Required action: Across the data below, how many lines have the word "Unitised" in them? Give the number and nothing else.

Top of Supplied information

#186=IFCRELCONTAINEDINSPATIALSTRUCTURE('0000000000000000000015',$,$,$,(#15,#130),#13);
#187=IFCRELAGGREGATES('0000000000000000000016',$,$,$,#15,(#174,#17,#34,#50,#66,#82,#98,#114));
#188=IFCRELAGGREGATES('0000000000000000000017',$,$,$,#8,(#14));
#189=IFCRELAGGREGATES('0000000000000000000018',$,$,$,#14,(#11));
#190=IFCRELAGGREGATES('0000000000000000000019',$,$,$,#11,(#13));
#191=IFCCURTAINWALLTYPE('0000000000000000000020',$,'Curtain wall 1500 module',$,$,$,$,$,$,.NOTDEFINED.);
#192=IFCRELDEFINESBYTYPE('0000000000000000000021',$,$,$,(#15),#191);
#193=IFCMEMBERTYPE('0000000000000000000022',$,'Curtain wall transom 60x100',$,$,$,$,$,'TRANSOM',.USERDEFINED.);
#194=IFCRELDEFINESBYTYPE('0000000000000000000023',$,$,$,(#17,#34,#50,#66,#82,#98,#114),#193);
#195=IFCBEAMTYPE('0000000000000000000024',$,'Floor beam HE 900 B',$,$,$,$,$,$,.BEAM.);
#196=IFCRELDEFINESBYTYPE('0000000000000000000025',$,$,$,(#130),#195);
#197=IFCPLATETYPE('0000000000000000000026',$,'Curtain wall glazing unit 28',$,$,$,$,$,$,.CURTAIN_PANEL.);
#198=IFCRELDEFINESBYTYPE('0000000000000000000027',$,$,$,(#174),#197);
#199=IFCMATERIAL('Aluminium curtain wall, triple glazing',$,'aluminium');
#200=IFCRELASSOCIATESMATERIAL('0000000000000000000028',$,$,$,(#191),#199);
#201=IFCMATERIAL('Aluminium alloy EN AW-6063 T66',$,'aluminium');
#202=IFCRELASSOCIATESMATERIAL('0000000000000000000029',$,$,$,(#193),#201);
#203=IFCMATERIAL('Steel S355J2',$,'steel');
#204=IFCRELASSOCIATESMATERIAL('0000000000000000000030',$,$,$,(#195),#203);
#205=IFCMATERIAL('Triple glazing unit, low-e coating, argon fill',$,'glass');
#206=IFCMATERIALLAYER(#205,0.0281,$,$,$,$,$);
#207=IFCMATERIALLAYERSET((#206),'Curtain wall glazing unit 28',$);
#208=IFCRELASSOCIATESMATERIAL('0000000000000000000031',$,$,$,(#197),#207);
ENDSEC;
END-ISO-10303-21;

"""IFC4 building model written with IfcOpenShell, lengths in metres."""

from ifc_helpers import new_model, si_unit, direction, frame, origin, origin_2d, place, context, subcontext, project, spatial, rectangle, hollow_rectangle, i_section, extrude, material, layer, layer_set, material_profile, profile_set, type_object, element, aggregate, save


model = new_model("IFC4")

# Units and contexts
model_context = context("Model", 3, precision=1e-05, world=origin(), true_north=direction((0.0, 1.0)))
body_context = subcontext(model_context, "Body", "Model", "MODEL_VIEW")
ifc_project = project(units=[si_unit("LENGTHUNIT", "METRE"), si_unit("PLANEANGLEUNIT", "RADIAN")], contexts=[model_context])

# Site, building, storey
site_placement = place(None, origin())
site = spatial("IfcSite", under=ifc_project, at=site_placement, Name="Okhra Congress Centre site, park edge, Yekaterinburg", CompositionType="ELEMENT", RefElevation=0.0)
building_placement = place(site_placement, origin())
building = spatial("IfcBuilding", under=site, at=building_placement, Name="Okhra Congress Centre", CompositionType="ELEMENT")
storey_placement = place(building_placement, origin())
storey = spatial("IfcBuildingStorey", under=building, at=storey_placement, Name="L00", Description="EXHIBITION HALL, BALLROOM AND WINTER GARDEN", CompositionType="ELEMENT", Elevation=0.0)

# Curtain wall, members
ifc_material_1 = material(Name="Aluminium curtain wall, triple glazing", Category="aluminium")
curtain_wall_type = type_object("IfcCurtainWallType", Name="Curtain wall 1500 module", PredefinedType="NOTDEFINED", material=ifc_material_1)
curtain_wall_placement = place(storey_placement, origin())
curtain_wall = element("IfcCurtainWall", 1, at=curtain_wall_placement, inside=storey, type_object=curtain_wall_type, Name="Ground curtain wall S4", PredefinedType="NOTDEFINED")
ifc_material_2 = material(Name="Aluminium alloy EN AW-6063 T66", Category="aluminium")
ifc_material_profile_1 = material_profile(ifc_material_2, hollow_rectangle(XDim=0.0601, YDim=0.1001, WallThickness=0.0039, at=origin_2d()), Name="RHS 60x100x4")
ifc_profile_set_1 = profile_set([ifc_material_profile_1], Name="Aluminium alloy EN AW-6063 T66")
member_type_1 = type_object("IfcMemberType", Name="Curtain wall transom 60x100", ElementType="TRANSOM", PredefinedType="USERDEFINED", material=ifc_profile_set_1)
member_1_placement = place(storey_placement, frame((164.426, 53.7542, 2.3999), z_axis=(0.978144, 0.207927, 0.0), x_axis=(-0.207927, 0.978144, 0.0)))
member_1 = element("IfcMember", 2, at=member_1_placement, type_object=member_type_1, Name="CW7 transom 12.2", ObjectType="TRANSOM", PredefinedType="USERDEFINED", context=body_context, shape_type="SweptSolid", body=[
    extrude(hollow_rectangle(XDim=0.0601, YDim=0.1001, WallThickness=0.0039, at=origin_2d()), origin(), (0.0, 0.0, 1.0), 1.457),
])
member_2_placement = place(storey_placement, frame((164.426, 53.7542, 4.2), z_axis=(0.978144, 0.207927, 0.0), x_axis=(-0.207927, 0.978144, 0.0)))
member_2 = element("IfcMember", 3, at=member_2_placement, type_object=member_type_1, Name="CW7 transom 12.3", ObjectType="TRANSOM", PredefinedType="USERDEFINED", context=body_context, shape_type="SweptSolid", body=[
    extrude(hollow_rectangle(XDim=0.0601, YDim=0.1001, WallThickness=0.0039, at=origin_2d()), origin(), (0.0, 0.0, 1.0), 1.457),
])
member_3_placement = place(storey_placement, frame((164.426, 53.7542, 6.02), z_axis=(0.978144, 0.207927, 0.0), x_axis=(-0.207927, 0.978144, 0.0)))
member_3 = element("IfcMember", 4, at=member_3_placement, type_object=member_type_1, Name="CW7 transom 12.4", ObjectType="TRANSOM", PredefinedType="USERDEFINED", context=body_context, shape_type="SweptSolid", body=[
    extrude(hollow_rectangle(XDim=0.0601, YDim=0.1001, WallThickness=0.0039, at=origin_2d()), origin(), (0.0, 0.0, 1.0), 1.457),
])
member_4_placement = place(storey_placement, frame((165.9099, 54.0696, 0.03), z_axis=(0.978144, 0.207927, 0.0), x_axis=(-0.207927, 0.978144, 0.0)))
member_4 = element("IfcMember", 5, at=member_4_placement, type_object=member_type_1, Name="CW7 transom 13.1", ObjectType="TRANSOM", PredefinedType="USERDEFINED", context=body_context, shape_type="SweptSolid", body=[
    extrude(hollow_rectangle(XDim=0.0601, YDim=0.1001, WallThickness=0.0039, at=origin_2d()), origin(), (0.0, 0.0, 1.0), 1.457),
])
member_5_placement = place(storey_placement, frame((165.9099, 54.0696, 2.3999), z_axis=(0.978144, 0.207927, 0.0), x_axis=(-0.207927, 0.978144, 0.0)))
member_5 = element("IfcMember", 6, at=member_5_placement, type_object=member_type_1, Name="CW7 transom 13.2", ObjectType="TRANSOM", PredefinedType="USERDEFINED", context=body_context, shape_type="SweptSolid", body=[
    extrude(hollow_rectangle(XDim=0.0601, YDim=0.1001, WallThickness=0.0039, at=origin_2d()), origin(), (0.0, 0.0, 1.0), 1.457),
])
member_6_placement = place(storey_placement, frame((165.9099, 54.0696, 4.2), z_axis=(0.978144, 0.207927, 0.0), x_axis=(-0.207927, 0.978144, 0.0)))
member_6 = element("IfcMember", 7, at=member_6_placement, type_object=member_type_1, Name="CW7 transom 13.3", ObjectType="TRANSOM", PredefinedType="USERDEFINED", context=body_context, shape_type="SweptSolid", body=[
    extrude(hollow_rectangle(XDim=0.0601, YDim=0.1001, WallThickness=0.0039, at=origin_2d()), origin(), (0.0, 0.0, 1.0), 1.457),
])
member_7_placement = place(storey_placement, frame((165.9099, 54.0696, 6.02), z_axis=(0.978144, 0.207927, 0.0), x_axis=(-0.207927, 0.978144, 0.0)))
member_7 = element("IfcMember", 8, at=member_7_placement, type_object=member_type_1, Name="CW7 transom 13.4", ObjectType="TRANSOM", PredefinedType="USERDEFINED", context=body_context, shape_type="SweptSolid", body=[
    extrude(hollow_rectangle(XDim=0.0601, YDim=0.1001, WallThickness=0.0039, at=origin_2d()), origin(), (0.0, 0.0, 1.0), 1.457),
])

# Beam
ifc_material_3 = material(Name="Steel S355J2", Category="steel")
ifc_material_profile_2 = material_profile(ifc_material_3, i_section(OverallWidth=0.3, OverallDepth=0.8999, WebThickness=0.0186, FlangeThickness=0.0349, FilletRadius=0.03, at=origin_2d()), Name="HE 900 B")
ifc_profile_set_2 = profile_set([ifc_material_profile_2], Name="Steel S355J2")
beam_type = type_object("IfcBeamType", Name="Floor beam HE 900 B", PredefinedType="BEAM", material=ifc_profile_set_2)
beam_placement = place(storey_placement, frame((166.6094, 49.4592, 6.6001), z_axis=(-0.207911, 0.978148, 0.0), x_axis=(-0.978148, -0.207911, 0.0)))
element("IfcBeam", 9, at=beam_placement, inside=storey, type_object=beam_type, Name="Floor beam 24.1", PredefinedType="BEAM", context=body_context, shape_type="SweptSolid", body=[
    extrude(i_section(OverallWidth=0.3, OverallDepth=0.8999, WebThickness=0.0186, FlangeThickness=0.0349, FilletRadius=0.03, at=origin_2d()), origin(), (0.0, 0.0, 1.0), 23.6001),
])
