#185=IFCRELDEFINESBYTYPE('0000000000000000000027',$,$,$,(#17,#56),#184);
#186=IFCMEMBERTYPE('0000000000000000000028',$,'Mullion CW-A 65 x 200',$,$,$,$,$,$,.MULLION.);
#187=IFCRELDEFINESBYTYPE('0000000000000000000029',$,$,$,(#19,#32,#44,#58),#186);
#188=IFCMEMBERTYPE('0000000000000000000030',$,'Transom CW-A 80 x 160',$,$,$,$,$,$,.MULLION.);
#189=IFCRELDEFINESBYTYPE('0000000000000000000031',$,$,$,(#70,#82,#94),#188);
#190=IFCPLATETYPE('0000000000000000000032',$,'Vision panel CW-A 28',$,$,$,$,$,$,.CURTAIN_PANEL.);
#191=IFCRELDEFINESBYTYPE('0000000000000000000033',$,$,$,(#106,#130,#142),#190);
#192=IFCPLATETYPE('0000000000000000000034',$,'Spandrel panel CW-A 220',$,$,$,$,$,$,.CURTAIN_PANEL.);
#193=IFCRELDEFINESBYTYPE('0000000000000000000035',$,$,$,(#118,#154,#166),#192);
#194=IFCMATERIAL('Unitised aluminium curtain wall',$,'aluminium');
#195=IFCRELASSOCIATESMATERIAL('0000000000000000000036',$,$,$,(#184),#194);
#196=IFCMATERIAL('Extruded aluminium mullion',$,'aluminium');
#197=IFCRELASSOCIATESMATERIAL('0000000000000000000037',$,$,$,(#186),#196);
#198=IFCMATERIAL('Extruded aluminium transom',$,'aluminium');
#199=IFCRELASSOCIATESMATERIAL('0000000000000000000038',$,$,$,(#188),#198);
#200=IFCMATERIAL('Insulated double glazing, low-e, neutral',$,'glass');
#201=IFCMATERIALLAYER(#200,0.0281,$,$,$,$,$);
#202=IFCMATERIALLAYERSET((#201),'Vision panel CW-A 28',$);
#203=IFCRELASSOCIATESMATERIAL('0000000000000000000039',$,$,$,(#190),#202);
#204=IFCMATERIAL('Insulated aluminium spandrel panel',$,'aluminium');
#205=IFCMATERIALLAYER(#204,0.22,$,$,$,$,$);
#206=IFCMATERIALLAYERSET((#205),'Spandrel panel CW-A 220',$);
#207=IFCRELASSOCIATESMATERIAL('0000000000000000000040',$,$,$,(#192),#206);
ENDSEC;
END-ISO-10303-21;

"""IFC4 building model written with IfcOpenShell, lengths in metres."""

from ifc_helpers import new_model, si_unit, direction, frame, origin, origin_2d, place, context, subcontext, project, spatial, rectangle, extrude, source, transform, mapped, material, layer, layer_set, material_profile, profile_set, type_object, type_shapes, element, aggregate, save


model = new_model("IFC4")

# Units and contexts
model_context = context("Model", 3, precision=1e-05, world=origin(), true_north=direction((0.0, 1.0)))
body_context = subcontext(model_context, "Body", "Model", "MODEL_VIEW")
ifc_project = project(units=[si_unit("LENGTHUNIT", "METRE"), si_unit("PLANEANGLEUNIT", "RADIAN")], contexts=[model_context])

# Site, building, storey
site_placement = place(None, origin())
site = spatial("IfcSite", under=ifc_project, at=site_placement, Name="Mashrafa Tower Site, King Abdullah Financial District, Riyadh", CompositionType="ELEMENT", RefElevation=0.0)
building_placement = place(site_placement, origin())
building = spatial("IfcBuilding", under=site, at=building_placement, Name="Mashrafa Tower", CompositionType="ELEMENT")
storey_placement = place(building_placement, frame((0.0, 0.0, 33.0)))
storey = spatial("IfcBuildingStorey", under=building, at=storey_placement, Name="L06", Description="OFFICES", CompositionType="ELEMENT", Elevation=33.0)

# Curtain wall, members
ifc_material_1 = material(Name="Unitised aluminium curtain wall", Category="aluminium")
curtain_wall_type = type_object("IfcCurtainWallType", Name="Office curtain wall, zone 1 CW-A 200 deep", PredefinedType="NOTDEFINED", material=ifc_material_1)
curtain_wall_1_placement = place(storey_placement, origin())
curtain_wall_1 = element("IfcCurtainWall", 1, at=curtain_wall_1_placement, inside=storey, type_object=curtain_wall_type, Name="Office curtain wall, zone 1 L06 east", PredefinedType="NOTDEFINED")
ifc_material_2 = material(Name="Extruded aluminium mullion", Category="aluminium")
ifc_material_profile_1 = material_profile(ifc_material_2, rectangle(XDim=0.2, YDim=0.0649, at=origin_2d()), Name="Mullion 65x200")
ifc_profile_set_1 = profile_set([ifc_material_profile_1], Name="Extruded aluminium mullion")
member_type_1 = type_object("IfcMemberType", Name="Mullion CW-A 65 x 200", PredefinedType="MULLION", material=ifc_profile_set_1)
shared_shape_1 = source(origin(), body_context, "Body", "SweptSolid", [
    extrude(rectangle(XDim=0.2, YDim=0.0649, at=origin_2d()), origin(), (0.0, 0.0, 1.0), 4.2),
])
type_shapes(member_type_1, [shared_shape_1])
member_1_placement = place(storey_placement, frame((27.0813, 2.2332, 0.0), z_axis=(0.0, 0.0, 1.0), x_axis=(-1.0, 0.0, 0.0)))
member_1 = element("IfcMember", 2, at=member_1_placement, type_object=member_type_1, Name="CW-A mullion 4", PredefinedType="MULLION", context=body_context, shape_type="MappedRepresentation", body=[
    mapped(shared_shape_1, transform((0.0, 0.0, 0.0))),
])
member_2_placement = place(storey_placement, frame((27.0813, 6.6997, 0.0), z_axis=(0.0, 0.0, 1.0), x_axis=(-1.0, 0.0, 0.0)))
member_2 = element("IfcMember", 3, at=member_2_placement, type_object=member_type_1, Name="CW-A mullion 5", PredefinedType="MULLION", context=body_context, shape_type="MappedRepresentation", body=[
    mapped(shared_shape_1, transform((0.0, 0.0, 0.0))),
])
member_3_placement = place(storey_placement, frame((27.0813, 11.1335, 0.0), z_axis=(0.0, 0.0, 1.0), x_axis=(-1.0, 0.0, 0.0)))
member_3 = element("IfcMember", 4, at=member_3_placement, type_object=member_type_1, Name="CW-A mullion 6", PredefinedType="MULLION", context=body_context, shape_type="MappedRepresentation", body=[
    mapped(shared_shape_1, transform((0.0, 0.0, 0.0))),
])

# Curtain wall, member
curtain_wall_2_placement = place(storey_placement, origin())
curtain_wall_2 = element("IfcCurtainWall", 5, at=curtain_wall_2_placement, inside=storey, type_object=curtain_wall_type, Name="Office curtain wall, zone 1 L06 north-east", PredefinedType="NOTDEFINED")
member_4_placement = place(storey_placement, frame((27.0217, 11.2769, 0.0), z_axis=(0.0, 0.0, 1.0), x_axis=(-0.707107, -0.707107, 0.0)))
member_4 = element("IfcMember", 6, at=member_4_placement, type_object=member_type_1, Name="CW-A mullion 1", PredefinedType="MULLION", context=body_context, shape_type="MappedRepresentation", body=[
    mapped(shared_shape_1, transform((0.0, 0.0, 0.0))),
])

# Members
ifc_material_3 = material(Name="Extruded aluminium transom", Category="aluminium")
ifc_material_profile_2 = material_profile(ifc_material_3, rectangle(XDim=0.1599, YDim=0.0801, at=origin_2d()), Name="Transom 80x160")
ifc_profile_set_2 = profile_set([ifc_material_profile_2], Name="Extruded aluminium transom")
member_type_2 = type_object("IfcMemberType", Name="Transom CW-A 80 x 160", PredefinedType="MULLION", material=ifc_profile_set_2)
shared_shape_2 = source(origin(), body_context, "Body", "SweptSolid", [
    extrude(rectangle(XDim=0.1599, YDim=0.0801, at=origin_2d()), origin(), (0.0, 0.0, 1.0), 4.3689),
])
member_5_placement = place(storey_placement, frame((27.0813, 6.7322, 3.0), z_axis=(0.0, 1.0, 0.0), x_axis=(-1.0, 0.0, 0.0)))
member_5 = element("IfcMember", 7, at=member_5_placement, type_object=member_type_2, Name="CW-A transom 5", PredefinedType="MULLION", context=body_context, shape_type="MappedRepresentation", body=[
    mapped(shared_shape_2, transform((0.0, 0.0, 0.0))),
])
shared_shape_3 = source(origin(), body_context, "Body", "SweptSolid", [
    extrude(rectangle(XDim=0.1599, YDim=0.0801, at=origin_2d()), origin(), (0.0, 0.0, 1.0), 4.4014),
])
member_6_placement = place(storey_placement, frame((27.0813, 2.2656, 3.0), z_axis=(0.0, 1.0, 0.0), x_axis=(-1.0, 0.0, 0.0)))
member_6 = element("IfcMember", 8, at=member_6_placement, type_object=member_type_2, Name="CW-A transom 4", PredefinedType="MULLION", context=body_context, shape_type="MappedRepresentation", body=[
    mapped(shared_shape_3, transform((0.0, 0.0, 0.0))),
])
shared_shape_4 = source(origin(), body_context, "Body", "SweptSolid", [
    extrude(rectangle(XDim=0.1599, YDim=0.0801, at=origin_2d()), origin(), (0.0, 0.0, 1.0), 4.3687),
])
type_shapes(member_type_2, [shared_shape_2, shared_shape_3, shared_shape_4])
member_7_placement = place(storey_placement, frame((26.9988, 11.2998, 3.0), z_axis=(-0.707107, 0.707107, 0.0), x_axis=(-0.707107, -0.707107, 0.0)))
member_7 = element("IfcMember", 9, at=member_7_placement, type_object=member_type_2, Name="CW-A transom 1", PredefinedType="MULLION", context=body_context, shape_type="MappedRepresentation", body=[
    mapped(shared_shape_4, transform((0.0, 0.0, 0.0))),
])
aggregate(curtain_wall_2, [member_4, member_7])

Bottom of Supplied information

Exercise result: 2